What needs to be done
Please reproduce verbatim the lines below, from the first through the one with "#4=IFCGEOMETRICREPRESENTATIONCONTEXT($,'Model',3,1.E-05,#2,#3);".
# # # # # # #
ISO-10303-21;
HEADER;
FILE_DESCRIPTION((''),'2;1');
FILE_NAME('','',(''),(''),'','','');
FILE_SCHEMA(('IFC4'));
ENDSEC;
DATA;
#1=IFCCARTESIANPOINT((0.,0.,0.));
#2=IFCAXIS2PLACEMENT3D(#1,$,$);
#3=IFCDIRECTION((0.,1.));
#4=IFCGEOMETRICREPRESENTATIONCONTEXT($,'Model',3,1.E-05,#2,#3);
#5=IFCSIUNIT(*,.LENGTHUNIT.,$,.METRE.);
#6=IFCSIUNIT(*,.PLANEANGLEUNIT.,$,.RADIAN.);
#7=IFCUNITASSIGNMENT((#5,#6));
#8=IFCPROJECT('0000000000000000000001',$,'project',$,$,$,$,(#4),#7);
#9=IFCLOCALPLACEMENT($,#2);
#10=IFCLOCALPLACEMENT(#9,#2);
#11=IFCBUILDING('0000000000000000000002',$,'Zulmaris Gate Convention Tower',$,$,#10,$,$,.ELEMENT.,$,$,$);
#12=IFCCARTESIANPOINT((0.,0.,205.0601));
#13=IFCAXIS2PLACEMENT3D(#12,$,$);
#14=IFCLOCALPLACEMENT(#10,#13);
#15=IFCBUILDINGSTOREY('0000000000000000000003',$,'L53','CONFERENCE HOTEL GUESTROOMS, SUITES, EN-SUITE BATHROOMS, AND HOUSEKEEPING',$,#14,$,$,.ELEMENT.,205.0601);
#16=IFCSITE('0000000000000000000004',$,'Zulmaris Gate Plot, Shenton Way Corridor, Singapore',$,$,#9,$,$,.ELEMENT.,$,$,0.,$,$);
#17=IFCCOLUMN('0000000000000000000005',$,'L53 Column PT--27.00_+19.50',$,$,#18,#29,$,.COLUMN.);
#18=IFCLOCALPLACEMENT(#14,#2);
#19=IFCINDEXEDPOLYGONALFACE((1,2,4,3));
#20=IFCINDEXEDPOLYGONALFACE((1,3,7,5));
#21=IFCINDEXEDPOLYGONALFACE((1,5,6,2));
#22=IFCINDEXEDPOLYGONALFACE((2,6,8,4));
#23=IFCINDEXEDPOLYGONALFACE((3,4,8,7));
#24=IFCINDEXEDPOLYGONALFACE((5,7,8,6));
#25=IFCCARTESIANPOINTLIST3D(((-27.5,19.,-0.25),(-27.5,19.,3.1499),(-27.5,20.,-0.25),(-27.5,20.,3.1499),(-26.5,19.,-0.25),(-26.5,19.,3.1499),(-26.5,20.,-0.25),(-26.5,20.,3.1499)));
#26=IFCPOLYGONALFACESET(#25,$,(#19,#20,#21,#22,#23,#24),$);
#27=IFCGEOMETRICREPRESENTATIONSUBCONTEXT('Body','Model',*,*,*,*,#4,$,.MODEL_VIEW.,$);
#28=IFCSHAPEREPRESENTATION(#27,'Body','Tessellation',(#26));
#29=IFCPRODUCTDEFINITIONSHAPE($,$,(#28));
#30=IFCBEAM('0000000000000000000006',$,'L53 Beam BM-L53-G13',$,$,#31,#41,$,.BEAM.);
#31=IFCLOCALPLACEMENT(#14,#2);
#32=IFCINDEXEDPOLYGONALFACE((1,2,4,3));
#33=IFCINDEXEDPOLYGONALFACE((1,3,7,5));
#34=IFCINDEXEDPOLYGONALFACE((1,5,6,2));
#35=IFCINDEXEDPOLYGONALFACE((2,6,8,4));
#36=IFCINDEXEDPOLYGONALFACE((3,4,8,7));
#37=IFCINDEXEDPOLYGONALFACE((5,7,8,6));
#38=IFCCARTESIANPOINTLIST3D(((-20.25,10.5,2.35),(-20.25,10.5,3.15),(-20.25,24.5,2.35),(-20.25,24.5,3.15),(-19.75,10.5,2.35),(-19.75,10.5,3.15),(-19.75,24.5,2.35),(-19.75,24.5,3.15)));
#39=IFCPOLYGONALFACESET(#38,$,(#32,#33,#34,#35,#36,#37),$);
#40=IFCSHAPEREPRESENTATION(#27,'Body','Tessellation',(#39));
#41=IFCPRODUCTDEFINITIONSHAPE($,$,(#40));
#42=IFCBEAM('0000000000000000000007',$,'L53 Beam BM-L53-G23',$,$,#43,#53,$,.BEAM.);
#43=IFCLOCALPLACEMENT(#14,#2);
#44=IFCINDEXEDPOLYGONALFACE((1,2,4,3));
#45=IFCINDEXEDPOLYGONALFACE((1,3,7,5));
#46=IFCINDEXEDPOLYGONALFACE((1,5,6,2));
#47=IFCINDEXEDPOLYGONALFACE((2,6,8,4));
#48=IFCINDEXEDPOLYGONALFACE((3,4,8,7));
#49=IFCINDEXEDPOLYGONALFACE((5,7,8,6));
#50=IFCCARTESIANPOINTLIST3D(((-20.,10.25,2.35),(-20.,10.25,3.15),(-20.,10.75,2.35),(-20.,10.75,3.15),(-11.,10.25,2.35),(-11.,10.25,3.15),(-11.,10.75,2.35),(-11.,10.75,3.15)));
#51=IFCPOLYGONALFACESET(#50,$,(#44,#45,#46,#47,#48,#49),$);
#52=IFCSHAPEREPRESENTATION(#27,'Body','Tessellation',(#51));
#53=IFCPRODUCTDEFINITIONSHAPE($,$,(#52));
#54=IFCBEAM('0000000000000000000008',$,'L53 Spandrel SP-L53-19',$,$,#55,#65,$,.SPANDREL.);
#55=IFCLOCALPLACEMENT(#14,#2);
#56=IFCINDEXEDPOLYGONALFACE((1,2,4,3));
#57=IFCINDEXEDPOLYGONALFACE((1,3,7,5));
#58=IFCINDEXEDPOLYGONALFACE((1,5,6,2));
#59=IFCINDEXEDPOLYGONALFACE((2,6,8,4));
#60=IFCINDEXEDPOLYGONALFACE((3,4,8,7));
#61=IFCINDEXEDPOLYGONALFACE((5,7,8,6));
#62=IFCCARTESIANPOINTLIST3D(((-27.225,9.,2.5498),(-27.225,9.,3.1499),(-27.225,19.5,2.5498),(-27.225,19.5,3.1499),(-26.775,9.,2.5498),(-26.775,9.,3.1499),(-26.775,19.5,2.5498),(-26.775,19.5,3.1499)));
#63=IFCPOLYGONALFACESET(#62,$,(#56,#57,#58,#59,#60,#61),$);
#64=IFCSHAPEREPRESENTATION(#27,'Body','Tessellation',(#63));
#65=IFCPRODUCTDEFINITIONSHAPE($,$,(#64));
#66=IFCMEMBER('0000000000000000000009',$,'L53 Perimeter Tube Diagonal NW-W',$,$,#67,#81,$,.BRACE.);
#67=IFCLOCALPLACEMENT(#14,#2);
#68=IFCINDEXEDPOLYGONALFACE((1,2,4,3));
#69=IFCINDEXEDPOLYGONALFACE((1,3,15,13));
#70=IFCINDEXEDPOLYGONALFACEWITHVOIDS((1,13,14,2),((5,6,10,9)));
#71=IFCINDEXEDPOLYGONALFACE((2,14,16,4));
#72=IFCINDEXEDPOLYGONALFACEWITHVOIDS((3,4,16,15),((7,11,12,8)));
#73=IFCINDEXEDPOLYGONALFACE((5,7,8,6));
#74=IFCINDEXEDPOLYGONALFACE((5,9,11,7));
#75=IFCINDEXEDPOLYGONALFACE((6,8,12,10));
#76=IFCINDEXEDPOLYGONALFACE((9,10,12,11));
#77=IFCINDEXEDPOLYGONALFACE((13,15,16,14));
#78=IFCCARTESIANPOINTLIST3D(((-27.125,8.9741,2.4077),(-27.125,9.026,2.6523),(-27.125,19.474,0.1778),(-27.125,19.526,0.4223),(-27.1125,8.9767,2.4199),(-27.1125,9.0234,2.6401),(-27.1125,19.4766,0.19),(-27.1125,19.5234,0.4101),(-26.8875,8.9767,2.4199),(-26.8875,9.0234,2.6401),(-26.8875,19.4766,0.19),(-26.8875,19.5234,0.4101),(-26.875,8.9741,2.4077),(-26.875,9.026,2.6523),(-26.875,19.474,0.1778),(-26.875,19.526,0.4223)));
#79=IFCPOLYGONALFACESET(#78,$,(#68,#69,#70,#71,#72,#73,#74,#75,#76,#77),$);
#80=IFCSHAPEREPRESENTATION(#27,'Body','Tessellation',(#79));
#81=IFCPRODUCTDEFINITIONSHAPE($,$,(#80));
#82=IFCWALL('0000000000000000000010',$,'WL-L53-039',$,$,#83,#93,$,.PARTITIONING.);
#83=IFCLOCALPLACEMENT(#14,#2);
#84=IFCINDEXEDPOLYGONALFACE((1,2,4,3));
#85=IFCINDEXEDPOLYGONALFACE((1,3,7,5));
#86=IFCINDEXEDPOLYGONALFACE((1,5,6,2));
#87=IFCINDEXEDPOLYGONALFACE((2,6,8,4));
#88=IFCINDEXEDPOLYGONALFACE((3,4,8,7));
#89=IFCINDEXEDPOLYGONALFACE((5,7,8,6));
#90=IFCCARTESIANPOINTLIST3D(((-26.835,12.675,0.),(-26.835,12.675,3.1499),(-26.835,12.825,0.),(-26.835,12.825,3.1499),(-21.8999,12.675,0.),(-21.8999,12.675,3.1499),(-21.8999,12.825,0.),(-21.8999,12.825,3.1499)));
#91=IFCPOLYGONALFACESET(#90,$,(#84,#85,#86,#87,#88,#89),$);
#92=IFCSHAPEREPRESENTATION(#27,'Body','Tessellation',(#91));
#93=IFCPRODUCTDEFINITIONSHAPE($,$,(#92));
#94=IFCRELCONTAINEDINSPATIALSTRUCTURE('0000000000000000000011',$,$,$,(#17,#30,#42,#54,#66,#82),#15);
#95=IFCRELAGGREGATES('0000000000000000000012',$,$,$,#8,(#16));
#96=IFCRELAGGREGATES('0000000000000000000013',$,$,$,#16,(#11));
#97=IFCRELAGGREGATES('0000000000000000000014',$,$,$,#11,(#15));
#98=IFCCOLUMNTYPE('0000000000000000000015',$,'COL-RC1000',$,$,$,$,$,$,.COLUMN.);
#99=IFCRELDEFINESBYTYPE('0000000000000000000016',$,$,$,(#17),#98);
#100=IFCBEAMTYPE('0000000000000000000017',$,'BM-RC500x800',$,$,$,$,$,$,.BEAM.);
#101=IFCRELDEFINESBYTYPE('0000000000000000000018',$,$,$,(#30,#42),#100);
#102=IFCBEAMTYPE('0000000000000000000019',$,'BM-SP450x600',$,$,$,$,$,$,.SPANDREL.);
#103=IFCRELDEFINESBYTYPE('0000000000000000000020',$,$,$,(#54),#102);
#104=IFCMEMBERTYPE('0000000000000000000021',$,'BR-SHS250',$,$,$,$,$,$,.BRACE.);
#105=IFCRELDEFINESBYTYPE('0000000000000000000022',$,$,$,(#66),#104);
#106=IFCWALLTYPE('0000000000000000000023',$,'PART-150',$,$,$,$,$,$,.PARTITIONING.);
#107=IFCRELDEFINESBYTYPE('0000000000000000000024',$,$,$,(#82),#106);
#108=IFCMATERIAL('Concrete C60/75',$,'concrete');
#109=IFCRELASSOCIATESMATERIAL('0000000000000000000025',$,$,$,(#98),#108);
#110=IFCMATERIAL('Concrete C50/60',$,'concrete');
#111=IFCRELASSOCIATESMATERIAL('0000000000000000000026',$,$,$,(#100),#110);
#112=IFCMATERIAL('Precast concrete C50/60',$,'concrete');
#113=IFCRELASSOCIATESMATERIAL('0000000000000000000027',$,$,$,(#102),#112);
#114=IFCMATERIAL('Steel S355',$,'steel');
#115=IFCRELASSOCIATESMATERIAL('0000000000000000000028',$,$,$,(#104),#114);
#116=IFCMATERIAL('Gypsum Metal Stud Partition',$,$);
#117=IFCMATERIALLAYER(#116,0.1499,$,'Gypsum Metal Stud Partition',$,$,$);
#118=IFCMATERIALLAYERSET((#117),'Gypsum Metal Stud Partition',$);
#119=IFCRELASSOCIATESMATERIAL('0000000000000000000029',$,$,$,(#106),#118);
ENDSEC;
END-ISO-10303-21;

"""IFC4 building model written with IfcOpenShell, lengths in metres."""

from ifc_helpers import new_model, si_unit, direction, frame, frame_2d, origin, origin_2d, place, context, subcontext, project, spatial, rectangle, hollow_rectangle, extrude, material, layer, layer_set, material_profile, profile_set, type_object, element, save


model = new_model("IFC4")

# Units and contexts
model_context = context("Model", 3, precision=1e-05, world=origin(), true_north=direction((0.0, 1.0)))
body_context = subcontext(model_context, "Body", "Model", "MODEL_VIEW")
ifc_project = project(units=[si_unit("LENGTHUNIT", "METRE"), si_unit("PLANEANGLEUNIT", "RADIAN")], contexts=[model_context])

# Site, building, storey
site_placement = place(None, origin())
site = spatial("IfcSite", under=ifc_project, at=site_placement, Name="Zulmaris Gate Plot, Shenton Way Corridor, Singapore", CompositionType="ELEMENT", RefElevation=0.0)
building_placement = place(site_placement, origin())
building = spatial("IfcBuilding", under=site, at=building_placement, Name="Zulmaris Gate Convention Tower", CompositionType="ELEMENT")
storey_placement = place(building_placement, frame((0.0, 0.0, 205.0601)))
storey = spatial("IfcBuildingStorey", under=building, at=storey_placement, Name="L53", Description="CONFERENCE HOTEL GUESTROOMS, SUITES, EN-SUITE BATHROOMS, AND HOUSEKEEPING", CompositionType="ELEMENT", Elevation=205.0601)

# Column
ifc_material_1 = material(Name="Concrete C60/75", Category="concrete")
ifc_material_profile_1 = material_profile(ifc_material_1, rectangle(XDim=1.0, YDim=1.0, at=origin_2d()), Name="RC COL 1000x1000")
ifc_profile_set_1 = profile_set([ifc_material_profile_1], Name="Concrete C60/75")
column_type = type_object("IfcColumnType", Name="COL-RC1000", PredefinedType="COLUMN", material=ifc_profile_set_1)
column_placement = place(storey_placement, frame((-27.0, 19.5, -0.25), z_axis=(0.0, 0.0, 1.0), x_axis=(1.0, 0.0, 0.0)))
element("IfcColumn", 1, at=column_placement, inside=storey, type_object=column_type, Name="L53 Column PT--27.00_+19.50", PredefinedType="COLUMN", context=body_context, shape_type="SweptSolid", body=[
    extrude(rectangle(XDim=1.0, YDim=1.0, at=origin_2d()), origin(), (0.0, 0.0, 1.0), 3.3999),
])

# Beams
ifc_material_2 = material(Name="Concrete C50/60", Category="concrete")
ifc_material_profile_2 = material_profile(ifc_material_2, rectangle(XDim=0.5, YDim=0.8, at=origin_2d()), Name="RC BEAM 500x800")
ifc_profile_set_2 = profile_set([ifc_material_profile_2], Name="Concrete C50/60")
beam_type_1 = type_object("IfcBeamType", Name="BM-RC500x800", PredefinedType="BEAM", material=ifc_profile_set_2)
beam_1_placement = place(storey_placement, frame((-20.0, 10.5, 2.75), z_axis=(0.0, 1.0, 0.0), x_axis=(-1.0, 0.0, 0.0)))
element("IfcBeam", 2, at=beam_1_placement, inside=storey, type_object=beam_type_1, Name="L53 Beam BM-L53-G13", PredefinedType="BEAM", context=body_context, shape_type="SweptSolid", body=[
    extrude(rectangle(XDim=0.5, YDim=0.8, at=origin_2d()), origin(), (0.0, 0.0, 1.0), 14.0),
])
beam_2_placement = place(storey_placement, frame((-20.0, 10.5, 2.75), z_axis=(1.0, 0.0, 0.0), x_axis=(0.0, 1.0, 0.0)))
element("IfcBeam", 3, at=beam_2_placement, inside=storey, type_object=beam_type_1, Name="L53 Beam BM-L53-G23", PredefinedType="BEAM", context=body_context, shape_type="SweptSolid", body=[
    extrude(rectangle(XDim=0.5, YDim=0.8, at=origin_2d()), origin(), (0.0, 0.0, 1.0), 9.0),
])
ifc_material_3 = material(Name="Precast concrete C50/60", Category="concrete")
ifc_material_profile_3 = material_profile(ifc_material_3, rectangle(XDim=0.45, YDim=0.6001, at=origin_2d()), Name="RC SPANDREL 450x600")
ifc_profile_set_3 = profile_set([ifc_material_profile_3], Name="Precast concrete C50/60")
beam_type_2 = type_object("IfcBeamType", Name="BM-SP450x600", PredefinedType="SPANDREL", material=ifc_profile_set_3)
beam_3_placement = place(storey_placement, frame((-27.0, 19.5, 2.8499), z_axis=(0.0, -1.0, 0.0), x_axis=(1.0, 0.0, 0.0)))
element("IfcBeam", 4, at=beam_3_placement, inside=storey, type_object=beam_type_2, Name="L53 Spandrel SP-L53-19", PredefinedType="SPANDREL", context=body_context, shape_type="SweptSolid", body=[
    extrude(rectangle(XDim=0.45, YDim=0.6001, at=origin_2d()), origin(), (0.0, 0.0, 1.0), 10.5),
])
# # # # # # #
Worked solution
ISO-10303-21;
HEADER;
FILE_DESCRIPTION((''),'2;1');
FILE_NAME('','',(''),(''),'','','');
FILE_SCHEMA(('IFC4'));
ENDSEC;
DATA;
#1=IFCCARTESIANPOINT((0.,0.,0.));
#2=IFCAXIS2PLACEMENT3D(#1,$,$);
#3=IFCDIRECTION((0.,1.));
#4=IFCGEOMETRICREPRESENTATIONCONTEXT($,'Model',3,1.E-05,#2,#3);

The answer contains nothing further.